Exercise requirements.
Find every line below that contains the word "IFCMATERIALLAYERSET" and copy it out.

Data to process.
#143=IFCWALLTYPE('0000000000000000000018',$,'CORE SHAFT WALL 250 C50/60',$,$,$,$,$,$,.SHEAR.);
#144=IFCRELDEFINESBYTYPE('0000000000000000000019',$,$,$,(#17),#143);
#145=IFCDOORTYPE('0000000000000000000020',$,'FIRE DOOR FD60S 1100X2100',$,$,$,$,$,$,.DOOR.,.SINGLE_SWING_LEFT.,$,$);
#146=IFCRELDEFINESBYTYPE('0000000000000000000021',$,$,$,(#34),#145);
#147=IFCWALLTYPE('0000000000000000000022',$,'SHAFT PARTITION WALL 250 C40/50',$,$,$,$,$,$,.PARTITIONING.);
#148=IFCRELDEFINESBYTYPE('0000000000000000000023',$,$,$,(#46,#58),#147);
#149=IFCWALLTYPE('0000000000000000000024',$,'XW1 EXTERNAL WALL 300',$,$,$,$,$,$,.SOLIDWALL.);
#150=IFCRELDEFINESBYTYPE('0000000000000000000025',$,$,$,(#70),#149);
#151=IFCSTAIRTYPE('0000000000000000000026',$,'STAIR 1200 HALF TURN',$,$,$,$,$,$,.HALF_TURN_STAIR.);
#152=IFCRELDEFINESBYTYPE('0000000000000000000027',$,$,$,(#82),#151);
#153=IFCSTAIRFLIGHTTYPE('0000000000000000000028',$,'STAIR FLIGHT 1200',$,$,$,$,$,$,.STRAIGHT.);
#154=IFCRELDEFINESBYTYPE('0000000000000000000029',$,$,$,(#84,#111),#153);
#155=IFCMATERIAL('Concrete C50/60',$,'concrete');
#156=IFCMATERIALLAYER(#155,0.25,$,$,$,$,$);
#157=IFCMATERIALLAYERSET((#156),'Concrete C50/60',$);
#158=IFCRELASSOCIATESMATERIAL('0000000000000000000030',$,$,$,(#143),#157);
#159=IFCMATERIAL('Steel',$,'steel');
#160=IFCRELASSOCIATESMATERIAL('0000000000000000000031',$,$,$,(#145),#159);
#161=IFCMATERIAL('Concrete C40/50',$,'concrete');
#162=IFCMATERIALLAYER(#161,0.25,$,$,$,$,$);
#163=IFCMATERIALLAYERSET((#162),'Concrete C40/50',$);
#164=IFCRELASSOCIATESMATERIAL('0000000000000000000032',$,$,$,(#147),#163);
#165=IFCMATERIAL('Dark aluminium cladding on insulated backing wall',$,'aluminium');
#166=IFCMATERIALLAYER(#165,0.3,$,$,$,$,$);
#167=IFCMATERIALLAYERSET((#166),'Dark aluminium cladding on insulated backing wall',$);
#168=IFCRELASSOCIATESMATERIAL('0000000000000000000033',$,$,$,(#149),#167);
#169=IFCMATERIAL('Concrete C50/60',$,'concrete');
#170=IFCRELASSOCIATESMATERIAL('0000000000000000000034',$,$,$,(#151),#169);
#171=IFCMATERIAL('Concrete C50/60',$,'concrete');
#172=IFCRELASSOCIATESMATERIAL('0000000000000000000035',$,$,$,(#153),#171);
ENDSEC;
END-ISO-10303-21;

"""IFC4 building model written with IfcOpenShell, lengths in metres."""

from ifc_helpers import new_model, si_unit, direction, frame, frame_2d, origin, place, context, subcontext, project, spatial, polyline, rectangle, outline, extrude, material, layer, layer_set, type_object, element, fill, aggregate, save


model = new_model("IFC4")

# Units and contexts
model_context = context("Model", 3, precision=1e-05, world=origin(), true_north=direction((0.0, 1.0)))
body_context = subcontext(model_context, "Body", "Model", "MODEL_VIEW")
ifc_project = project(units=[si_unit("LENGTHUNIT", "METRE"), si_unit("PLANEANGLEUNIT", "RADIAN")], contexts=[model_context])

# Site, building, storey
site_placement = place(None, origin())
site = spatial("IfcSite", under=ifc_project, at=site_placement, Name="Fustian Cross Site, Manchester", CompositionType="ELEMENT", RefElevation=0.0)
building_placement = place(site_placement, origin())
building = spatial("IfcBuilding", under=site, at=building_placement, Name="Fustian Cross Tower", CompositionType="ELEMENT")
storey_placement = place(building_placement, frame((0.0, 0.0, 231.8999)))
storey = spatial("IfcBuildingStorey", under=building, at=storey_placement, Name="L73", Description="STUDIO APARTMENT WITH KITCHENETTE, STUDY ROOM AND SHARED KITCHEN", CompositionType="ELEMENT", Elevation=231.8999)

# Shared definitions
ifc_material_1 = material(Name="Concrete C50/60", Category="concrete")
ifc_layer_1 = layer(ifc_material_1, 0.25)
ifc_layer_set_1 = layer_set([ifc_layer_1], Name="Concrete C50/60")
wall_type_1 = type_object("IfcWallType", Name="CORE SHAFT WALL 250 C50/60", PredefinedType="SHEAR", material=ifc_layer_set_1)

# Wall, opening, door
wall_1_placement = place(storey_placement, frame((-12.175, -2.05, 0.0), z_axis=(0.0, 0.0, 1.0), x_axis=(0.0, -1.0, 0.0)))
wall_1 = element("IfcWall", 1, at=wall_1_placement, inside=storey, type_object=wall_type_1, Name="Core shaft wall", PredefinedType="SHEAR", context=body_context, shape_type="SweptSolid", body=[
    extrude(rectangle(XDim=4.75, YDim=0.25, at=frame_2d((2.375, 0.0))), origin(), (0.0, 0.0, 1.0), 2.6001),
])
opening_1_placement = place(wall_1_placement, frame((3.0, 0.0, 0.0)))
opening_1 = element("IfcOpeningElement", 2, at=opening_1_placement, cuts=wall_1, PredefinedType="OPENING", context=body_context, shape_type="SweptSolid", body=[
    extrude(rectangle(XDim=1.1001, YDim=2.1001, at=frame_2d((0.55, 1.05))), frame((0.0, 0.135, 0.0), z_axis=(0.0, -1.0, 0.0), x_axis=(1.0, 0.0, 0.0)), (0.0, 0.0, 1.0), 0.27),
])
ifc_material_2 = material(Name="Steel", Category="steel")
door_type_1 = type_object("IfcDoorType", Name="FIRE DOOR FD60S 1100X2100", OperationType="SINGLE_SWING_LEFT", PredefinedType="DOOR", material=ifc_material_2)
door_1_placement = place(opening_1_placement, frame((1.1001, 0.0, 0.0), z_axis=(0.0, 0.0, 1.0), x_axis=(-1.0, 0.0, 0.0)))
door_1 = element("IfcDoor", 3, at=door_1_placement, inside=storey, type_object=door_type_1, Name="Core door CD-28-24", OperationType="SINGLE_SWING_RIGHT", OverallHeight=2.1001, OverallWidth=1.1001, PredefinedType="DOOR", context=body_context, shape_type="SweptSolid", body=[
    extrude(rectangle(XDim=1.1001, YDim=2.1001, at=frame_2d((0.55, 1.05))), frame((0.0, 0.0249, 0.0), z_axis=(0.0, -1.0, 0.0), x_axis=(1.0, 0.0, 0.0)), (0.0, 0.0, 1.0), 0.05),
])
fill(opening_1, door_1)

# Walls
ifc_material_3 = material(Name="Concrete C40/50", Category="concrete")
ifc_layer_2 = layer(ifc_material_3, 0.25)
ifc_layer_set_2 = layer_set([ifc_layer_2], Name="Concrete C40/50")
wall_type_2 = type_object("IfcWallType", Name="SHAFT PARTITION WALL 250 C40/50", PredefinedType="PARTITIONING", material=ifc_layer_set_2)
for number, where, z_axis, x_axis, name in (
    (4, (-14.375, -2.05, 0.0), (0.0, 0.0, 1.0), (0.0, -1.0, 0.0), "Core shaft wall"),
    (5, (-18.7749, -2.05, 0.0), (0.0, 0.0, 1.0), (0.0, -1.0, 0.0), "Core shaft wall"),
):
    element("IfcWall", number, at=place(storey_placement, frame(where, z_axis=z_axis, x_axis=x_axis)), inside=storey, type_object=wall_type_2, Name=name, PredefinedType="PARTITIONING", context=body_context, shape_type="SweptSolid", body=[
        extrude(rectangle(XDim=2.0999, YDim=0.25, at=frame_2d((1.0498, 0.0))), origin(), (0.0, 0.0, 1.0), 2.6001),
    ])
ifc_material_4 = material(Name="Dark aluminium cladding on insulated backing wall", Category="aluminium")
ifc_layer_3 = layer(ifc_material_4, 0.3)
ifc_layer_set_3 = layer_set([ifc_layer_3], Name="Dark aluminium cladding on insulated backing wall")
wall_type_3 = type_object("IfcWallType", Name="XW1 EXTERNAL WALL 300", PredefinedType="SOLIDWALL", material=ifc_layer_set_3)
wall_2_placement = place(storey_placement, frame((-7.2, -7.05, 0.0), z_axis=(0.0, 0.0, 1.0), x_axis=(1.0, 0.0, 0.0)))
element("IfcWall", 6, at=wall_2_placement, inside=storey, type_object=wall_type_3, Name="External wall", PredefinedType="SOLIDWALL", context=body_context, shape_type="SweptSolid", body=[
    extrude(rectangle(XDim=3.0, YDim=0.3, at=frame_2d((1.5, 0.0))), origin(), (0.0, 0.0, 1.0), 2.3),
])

Written response.
#157=IFCMATERIALLAYERSET((#156),'Concrete C50/60',$);
#163=IFCMATERIALLAYERSET((#162),'Concrete C40/50',$);
#167=IFCMATERIALLAYERSET((#166),'Dark aluminium cladding on insulated backing wall',$);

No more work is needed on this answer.